**** EXERCISE INPUT ****
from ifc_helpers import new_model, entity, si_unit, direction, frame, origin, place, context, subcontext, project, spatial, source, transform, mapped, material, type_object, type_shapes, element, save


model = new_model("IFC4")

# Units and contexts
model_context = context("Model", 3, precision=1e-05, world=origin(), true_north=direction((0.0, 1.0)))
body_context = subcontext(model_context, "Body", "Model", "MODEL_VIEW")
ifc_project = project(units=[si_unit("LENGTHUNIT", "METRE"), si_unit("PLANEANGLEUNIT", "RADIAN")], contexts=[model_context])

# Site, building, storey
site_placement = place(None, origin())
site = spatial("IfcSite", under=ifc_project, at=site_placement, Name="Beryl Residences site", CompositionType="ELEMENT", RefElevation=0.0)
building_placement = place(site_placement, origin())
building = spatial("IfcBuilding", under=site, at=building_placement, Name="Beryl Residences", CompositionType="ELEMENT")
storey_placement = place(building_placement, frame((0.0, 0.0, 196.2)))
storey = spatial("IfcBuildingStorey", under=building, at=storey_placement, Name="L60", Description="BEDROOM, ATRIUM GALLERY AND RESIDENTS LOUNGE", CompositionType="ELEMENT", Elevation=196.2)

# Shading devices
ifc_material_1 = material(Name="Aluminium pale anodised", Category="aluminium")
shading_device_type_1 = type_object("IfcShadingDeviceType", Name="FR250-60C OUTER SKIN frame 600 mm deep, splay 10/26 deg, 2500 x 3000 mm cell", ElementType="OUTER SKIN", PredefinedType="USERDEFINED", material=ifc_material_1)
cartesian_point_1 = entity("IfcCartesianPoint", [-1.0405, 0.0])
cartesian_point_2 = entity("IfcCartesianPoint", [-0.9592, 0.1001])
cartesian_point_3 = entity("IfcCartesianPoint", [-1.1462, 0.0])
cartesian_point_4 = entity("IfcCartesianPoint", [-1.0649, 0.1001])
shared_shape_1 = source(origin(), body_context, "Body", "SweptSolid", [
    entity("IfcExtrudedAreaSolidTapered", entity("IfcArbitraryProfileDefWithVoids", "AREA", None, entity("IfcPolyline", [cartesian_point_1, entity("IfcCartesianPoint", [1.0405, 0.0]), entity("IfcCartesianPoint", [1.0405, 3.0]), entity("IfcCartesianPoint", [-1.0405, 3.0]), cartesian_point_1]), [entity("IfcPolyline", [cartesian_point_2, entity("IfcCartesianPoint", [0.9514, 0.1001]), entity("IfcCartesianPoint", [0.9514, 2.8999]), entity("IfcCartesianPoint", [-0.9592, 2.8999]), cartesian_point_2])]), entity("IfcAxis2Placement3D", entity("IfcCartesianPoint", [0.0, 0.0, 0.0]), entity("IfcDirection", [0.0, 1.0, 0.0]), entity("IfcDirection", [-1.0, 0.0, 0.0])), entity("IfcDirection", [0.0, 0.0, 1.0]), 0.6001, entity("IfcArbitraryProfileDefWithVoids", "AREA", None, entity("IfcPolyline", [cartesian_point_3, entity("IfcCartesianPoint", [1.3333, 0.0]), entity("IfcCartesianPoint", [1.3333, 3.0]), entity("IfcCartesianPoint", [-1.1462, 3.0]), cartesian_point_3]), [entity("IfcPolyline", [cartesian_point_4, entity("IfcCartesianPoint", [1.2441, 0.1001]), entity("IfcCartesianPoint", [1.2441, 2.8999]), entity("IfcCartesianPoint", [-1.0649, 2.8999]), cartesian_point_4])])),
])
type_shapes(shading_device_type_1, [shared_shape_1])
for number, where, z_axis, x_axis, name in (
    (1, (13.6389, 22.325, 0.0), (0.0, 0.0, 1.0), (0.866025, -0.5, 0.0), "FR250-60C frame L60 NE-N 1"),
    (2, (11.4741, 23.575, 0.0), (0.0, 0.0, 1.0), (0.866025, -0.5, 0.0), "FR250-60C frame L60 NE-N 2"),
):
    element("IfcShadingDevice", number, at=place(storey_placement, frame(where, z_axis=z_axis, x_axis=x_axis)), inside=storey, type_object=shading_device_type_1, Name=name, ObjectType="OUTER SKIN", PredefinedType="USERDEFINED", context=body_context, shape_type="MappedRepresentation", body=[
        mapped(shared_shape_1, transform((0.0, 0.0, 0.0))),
****
**** EXERCISE INPUT ****
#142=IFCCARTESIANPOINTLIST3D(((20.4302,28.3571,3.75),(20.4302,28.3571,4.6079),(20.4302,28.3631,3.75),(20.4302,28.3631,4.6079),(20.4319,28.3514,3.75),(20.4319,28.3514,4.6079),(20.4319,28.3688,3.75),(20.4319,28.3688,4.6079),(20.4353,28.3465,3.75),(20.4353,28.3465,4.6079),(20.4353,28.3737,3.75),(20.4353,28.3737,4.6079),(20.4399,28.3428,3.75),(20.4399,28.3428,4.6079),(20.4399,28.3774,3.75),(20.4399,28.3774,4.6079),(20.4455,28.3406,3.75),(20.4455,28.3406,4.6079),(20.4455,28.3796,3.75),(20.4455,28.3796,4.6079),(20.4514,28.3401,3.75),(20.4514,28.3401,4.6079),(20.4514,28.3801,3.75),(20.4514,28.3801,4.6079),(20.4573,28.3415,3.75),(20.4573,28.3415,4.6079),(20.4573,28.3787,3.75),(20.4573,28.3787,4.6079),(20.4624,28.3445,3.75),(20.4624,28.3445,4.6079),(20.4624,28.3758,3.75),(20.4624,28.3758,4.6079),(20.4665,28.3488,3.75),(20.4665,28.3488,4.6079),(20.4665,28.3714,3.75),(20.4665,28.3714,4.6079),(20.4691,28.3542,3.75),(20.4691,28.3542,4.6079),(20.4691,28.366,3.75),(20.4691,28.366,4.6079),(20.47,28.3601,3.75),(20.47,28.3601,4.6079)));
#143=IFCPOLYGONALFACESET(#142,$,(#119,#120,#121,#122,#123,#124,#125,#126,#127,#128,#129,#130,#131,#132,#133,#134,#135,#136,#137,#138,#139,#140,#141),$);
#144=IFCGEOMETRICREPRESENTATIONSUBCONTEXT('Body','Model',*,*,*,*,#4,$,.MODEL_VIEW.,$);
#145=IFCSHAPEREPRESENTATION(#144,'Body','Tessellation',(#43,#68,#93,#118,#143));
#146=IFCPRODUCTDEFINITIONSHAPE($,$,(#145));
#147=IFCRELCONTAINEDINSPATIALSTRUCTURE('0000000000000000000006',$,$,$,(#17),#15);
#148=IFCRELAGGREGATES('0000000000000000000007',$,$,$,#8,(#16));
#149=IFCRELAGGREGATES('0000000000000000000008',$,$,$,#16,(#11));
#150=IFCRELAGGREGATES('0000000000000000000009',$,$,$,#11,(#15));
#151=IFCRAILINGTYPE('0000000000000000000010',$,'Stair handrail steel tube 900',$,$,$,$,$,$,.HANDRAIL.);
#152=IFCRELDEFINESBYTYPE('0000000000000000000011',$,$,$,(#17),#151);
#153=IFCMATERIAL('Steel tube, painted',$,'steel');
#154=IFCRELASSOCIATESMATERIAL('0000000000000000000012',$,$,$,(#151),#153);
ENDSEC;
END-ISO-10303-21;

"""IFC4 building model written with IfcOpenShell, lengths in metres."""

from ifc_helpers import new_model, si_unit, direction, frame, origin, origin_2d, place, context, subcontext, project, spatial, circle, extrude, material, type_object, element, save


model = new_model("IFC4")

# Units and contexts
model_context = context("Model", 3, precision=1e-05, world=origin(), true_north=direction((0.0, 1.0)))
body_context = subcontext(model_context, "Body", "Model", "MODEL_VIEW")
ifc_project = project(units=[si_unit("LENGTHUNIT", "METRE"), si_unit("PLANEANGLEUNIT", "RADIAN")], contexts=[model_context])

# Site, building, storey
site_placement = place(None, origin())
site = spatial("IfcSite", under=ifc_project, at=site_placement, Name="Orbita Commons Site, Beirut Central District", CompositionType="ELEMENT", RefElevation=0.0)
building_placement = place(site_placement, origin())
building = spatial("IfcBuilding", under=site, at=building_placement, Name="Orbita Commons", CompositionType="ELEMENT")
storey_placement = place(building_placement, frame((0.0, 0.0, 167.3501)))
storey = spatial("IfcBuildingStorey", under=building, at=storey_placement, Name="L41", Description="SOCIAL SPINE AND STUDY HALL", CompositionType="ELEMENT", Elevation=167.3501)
****
**** EXERCISE INPUT ****
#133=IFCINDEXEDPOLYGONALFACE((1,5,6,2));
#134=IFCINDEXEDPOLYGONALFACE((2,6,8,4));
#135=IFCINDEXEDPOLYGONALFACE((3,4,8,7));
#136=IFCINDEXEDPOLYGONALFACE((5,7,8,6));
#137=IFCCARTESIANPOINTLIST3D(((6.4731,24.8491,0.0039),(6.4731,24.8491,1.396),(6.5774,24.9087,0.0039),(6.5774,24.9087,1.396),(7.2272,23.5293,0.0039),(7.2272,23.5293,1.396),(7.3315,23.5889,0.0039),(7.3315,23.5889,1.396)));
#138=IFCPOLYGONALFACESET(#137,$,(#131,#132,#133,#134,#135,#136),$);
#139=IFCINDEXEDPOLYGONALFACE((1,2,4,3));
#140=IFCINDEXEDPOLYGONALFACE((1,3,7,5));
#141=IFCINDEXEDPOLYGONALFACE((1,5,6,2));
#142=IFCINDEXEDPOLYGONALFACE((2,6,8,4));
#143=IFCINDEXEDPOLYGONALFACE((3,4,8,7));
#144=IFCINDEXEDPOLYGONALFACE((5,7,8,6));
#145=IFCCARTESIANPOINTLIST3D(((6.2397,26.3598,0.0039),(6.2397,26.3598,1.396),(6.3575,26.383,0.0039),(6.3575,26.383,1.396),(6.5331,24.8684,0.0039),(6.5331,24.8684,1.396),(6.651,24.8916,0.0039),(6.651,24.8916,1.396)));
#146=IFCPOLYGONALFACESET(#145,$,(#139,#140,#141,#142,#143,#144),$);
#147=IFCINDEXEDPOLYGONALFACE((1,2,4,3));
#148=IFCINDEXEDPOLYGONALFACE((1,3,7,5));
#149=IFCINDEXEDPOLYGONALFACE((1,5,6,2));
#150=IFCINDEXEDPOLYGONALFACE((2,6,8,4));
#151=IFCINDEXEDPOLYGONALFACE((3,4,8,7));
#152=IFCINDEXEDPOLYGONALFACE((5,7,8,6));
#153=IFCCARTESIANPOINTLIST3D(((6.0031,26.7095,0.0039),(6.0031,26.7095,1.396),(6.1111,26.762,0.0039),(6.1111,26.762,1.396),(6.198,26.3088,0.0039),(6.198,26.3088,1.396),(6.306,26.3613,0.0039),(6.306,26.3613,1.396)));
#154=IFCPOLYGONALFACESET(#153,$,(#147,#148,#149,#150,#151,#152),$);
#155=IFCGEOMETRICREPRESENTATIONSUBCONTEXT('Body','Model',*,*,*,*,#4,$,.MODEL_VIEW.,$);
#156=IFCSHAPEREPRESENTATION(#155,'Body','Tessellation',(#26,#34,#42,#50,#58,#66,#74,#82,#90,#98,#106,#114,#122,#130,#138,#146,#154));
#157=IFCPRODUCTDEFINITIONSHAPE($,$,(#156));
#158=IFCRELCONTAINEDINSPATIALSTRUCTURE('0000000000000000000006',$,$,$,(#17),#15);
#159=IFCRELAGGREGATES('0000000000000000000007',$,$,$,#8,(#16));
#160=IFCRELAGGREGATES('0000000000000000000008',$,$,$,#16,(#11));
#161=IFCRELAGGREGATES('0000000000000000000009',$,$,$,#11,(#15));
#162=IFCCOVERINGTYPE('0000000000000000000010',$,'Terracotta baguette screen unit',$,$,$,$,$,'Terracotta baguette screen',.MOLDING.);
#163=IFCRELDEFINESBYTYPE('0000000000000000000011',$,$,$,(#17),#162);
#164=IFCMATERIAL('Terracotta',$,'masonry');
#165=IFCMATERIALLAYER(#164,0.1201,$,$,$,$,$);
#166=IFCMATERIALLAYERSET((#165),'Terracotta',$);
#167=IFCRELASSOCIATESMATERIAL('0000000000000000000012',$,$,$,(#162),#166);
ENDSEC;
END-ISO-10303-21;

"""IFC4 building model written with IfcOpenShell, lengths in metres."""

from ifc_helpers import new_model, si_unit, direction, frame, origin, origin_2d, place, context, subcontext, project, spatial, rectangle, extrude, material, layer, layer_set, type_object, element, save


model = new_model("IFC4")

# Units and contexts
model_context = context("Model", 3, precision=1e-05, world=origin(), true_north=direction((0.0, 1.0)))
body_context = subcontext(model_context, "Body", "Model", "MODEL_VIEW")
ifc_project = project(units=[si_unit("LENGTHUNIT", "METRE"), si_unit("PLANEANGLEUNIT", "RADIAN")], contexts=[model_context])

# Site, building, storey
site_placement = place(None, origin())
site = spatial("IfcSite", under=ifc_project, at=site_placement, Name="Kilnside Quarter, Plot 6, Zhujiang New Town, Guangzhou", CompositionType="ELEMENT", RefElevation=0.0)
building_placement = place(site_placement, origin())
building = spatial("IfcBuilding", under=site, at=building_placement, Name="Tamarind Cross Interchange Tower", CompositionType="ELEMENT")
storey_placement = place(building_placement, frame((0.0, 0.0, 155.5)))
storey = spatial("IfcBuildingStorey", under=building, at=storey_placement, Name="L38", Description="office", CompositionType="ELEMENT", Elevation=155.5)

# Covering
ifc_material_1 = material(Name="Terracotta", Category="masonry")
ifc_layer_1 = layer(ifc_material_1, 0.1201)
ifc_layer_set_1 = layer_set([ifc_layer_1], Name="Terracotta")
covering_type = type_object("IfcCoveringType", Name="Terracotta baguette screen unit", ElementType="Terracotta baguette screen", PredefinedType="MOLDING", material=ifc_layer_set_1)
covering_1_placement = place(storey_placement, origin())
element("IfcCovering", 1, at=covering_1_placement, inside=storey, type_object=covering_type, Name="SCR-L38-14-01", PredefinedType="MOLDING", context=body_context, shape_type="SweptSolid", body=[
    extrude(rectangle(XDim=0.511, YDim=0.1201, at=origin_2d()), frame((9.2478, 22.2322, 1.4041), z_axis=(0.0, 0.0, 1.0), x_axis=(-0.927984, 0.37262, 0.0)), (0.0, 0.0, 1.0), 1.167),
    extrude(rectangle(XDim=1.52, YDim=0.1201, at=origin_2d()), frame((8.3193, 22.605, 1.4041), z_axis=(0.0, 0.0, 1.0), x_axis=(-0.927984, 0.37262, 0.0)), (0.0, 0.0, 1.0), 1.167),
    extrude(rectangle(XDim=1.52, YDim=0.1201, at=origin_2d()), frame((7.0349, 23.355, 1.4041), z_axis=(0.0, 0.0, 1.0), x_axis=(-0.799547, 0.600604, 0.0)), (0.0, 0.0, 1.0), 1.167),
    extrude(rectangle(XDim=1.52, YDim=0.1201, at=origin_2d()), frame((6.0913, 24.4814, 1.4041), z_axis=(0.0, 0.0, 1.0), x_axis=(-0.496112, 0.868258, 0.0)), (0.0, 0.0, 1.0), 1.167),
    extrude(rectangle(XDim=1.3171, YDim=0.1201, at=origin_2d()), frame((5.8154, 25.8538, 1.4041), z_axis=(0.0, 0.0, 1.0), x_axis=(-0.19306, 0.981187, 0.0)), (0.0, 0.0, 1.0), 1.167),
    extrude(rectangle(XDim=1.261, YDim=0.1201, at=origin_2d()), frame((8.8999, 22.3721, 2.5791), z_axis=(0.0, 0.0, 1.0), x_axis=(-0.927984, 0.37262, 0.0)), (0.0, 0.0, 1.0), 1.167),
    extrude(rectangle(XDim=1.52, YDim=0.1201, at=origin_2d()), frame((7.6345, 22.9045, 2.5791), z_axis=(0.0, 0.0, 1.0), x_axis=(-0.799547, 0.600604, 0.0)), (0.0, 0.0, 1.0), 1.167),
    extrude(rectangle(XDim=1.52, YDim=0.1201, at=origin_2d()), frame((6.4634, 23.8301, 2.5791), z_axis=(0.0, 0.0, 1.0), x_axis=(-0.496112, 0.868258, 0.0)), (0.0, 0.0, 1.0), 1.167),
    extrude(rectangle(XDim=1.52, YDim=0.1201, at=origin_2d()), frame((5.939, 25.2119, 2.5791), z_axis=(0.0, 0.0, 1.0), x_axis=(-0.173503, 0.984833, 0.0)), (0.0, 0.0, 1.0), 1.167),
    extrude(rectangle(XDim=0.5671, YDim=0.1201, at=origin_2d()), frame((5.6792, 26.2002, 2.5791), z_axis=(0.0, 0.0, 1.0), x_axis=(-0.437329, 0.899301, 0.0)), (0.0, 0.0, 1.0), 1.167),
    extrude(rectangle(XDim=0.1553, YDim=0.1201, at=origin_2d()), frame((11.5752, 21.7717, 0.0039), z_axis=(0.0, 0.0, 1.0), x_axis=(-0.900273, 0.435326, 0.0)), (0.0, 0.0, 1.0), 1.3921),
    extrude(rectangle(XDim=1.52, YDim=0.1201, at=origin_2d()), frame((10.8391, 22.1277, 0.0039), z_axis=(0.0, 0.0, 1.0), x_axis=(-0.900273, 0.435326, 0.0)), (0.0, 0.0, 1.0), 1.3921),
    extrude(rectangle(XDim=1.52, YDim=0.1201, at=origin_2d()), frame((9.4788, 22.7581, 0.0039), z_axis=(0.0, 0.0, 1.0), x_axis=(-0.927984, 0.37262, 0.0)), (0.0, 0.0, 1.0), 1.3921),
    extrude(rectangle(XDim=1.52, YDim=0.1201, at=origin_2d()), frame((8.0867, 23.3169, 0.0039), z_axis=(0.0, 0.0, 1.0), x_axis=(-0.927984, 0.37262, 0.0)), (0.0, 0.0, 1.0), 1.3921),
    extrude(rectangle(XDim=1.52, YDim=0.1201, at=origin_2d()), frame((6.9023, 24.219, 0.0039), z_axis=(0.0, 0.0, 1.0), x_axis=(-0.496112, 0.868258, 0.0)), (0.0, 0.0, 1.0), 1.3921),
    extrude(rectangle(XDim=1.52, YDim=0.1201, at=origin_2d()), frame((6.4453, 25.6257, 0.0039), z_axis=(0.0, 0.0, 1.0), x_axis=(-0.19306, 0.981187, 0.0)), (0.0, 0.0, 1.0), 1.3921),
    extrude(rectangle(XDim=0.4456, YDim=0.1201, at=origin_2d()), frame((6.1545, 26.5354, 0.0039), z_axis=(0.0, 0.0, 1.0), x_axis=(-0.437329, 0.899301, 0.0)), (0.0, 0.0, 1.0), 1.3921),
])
****
Working from the listing, state how many lines include "where". The reply must be that number alone.

TASK OUTPUT: 2